Description of the task: Report back each line of the records that contains the string "IFCINDEXEDPOLYGONALFACEWITHVOIDS".

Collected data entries
◆ ◆ ◆ ◆

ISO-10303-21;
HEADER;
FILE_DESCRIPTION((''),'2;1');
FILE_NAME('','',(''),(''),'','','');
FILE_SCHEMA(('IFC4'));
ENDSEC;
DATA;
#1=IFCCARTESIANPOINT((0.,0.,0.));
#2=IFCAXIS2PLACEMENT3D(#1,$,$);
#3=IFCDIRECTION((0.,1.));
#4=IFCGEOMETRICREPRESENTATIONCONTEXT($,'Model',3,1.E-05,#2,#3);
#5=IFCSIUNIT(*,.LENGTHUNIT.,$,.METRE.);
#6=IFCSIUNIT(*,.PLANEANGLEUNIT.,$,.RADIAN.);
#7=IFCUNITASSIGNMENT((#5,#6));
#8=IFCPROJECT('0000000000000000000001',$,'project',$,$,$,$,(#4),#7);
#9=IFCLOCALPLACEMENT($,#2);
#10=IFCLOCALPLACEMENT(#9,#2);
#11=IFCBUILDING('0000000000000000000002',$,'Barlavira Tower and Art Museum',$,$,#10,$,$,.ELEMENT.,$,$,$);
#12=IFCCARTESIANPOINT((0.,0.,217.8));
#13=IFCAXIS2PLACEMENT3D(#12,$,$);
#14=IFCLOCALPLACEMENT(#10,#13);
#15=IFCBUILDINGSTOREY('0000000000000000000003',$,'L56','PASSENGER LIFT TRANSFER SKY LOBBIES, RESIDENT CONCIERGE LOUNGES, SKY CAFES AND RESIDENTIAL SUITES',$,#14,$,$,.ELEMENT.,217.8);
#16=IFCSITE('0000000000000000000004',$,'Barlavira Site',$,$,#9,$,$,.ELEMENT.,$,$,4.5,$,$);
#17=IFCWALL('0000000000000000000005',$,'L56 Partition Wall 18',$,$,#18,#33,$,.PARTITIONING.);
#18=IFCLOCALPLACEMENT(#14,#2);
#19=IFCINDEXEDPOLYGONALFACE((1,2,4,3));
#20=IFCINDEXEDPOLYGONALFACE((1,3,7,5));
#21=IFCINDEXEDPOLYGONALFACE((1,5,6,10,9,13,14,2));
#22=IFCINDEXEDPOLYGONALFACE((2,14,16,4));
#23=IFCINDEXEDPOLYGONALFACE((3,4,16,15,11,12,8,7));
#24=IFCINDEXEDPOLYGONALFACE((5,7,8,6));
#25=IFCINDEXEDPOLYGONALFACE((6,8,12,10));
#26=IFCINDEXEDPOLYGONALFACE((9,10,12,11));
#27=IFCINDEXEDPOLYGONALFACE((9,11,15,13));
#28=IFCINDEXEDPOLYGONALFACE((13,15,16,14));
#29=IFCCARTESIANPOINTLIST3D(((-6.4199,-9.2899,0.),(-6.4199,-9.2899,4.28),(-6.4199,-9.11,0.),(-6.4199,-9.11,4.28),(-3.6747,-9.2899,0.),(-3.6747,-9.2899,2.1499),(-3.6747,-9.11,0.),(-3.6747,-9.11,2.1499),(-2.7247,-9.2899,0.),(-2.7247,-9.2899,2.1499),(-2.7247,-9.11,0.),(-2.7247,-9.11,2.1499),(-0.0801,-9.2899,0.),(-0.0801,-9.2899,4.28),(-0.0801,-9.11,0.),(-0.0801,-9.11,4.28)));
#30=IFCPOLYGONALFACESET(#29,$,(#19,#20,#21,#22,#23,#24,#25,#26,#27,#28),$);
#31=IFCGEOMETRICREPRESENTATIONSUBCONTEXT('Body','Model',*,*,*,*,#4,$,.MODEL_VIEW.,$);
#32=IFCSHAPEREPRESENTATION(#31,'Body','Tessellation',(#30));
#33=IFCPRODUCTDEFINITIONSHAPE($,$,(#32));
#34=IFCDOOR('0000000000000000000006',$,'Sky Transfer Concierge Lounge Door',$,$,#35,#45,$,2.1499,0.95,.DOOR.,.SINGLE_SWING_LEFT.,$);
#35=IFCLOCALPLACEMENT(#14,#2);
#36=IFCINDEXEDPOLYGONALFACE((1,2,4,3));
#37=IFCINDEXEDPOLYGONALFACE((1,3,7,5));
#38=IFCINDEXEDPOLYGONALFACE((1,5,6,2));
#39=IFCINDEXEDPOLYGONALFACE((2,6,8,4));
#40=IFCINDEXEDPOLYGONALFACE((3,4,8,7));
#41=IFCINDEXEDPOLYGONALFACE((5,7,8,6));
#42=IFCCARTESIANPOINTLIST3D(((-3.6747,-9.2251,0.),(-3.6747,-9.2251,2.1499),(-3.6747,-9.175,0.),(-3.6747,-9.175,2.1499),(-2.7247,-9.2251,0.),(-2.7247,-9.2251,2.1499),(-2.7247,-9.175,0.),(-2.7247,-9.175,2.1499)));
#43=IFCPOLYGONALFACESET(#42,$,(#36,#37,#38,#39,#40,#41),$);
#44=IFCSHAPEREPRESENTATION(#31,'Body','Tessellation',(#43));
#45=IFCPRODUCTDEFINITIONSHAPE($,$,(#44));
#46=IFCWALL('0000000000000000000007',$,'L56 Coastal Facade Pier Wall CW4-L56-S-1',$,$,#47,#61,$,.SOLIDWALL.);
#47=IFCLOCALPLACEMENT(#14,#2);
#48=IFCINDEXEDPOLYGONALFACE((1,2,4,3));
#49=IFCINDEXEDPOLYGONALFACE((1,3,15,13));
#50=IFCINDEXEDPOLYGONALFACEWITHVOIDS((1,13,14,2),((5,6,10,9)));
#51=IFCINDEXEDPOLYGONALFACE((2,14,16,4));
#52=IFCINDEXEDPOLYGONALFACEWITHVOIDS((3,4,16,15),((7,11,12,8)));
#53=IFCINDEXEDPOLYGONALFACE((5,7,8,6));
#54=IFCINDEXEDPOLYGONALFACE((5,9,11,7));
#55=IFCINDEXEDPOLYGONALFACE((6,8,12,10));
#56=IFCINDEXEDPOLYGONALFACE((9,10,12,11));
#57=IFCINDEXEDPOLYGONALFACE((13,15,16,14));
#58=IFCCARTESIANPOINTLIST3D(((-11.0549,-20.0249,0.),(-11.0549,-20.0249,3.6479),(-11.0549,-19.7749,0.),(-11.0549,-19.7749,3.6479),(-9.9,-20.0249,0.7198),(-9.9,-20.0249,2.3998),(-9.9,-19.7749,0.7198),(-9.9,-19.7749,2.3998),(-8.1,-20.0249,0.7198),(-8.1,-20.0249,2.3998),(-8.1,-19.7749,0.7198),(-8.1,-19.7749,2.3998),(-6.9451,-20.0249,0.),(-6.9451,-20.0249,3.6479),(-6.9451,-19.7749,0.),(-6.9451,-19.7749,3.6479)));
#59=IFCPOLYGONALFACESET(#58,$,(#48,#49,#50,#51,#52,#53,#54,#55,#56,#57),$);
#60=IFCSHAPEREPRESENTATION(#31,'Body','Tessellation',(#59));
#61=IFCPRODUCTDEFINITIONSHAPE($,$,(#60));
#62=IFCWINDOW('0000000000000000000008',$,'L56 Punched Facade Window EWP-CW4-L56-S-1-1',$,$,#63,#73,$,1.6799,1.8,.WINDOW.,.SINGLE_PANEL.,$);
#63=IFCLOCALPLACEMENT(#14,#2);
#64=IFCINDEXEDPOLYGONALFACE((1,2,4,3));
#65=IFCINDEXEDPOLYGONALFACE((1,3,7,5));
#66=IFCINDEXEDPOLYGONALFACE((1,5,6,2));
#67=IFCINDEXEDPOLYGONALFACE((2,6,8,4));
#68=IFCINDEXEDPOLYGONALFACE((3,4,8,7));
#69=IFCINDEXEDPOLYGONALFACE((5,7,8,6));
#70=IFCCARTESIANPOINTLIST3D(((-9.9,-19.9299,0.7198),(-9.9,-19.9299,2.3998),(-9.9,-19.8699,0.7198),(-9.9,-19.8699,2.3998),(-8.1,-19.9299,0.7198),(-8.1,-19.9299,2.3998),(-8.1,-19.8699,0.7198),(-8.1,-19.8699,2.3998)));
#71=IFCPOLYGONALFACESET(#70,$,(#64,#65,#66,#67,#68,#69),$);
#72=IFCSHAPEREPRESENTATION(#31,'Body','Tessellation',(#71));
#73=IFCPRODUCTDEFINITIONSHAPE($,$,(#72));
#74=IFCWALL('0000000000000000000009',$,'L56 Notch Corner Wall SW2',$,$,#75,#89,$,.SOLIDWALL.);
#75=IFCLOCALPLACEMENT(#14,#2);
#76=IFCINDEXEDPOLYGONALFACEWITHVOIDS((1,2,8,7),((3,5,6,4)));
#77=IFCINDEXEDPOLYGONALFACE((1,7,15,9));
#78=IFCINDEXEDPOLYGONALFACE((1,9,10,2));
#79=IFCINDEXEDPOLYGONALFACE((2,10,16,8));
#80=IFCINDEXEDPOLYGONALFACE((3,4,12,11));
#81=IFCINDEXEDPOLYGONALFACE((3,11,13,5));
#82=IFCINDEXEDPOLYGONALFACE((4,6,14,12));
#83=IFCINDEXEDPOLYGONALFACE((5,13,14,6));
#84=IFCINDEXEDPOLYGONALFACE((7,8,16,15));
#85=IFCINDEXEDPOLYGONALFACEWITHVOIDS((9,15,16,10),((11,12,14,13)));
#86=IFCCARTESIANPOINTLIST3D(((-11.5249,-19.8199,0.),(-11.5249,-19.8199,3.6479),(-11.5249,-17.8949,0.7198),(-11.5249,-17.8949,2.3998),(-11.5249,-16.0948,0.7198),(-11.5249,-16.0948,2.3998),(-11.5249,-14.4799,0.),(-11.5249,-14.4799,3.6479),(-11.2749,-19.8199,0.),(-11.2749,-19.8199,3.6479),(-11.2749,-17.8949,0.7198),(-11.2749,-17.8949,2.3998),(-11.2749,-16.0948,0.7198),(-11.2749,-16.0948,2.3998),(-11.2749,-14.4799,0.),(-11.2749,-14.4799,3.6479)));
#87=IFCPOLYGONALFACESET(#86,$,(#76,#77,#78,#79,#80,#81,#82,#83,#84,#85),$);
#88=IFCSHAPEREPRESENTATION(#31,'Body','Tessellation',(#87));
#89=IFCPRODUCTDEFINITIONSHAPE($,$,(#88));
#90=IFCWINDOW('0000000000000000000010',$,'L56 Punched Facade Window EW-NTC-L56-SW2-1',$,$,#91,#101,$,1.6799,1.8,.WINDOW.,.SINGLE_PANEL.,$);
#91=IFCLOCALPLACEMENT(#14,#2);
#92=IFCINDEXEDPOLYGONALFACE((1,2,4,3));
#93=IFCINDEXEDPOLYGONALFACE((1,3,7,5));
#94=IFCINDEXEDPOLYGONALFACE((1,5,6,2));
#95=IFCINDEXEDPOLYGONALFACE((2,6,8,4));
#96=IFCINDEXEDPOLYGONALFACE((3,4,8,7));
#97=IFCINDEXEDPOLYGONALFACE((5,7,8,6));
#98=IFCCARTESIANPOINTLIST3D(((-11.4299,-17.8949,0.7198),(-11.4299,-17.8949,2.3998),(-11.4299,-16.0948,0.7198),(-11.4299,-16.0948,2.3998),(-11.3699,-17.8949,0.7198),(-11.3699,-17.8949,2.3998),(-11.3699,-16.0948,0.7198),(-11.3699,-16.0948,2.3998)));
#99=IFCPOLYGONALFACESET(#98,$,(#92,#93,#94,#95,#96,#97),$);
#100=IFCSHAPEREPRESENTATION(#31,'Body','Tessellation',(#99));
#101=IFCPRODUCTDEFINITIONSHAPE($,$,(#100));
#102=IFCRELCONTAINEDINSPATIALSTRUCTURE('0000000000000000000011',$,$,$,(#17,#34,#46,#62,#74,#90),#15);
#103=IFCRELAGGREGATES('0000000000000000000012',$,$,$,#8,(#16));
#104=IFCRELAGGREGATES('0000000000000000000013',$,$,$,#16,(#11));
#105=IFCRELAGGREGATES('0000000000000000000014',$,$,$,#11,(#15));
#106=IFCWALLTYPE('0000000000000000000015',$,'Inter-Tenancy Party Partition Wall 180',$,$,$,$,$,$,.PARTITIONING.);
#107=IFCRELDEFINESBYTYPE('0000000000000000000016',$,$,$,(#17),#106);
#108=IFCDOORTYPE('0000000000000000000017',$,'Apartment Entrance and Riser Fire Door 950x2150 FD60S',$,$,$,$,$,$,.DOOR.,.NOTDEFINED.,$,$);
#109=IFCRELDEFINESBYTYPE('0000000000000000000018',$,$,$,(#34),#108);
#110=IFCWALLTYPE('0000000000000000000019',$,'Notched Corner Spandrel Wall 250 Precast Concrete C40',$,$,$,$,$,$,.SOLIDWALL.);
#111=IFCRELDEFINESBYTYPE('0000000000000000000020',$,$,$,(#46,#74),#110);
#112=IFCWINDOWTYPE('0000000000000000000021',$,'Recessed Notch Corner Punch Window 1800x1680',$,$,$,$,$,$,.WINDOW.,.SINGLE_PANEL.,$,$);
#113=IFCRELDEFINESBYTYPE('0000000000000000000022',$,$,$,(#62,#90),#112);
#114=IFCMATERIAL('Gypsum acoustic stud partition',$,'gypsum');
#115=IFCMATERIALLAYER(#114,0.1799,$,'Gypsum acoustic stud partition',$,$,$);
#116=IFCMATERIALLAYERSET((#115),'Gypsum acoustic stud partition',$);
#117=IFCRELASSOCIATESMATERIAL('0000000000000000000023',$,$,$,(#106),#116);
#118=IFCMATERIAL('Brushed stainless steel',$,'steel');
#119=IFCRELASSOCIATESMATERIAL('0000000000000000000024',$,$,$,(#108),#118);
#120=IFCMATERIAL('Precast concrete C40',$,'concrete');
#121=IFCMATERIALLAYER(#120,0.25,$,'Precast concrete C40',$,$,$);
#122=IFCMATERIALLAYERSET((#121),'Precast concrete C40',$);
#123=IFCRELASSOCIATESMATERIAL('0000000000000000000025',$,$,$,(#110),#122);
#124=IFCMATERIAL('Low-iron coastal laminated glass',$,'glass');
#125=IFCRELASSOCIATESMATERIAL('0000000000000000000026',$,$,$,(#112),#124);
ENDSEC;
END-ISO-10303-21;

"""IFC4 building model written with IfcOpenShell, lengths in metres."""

from ifc_helpers import new_model, si_unit, direction, frame, frame_2d, origin, place, context, subcontext, project, spatial, rectangle, extrude, material, layer, layer_set, type_object, element, fill, save


model = new_model("IFC4")

# Units and contexts
model_context = context("Model", 3, precision=1e-05, world=origin(), true_north=direction((0.0, 1.0)))
body_context = subcontext(model_context, "Body", "Model", "MODEL_VIEW")
ifc_project = project(units=[si_unit("LENGTHUNIT", "METRE"), si_unit("PLANEANGLEUNIT", "RADIAN")], contexts=[model_context])

# Site, building, storey
site_placement = place(None, origin())
site = spatial("IfcSite", under=ifc_project, at=site_placement, Name="Barlavira Site", CompositionType="ELEMENT", RefElevation=4.5)
building_placement = place(site_placement, origin())
building = spatial("IfcBuilding", under=site, at=building_placement, Name="Barlavira Tower and Art Museum", CompositionType="ELEMENT")
storey_placement = place(building_placement, frame((0.0, 0.0, 217.8)))
storey = spatial("IfcBuildingStorey", under=building, at=storey_placement, Name="L56", Description="PASSENGER LIFT TRANSFER SKY LOBBIES, RESIDENT CONCIERGE LOUNGES, SKY CAFES AND RESIDENTIAL SUITES", CompositionType="ELEMENT", Elevation=217.8)

# Shared definitions
ifc_material_1 = material(Name="Low-iron coastal laminated glass", Category="glass")

# Shared definitions
ifc_material_2 = material(Name="Gypsum acoustic stud partition", Category="gypsum")
ifc_layer_1 = layer(ifc_material_2, 0.1799, Name="Gypsum acoustic stud partition")
ifc_layer_set_1 = layer_set([ifc_layer_1], Name="Gypsum acoustic stud partition")
wall_type_1 = type_object("IfcWallType", Name="Inter-Tenancy Party Partition Wall 180", PredefinedType="PARTITIONING", material=ifc_layer_set_1)

# Wall, opening, door
wall_1_placement = place(storey_placement, frame((-6.4199, -9.2, 0.0), z_axis=(0.0, 0.0, 1.0), x_axis=(1.0, 0.0, 0.0)))
wall_1 = element("IfcWall", 1, at=wall_1_placement, inside=storey, type_object=wall_type_1, Name="L56 Partition Wall 18", PredefinedType="PARTITIONING", context=body_context, shape_type="SweptSolid", body=[
    extrude(rectangle(XDim=6.3398, YDim=0.1799, at=frame_2d((3.1699, 0.0))), origin(), (0.0, 0.0, 1.0), 4.28),
])
opening_1_placement = place(wall_1_placement, frame((2.7451, 0.0, 0.0)))
opening_1 = element("IfcOpeningElement", 2, at=opening_1_placement, cuts=wall_1, PredefinedType="OPENING", context=body_context, shape_type="SweptSolid", body=[
    extrude(rectangle(XDim=0.95, YDim=2.1499, at=frame_2d((0.4751, 1.075))), frame((0.0, 0.1001, 0.0), z_axis=(0.0, -1.0, 0.0), x_axis=(1.0, 0.0, 0.0)), (0.0, 0.0, 1.0), 0.2),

◆ ◆ ◆ ◆

Response area:
#50=IFCINDEXEDPOLYGONALFACEWITHVOIDS((1,13,14,2),((5,6,10,9)));
#52=IFCINDEXEDPOLYGONALFACEWITHVOIDS((3,4,16,15),((7,11,12,8)));
#76=IFCINDEXEDPOLYGONALFACEWITHVOIDS((1,2,8,7),((3,5,6,4)));
#85=IFCINDEXEDPOLYGONALFACEWITHVOIDS((9,15,16,10),((11,12,14,13)));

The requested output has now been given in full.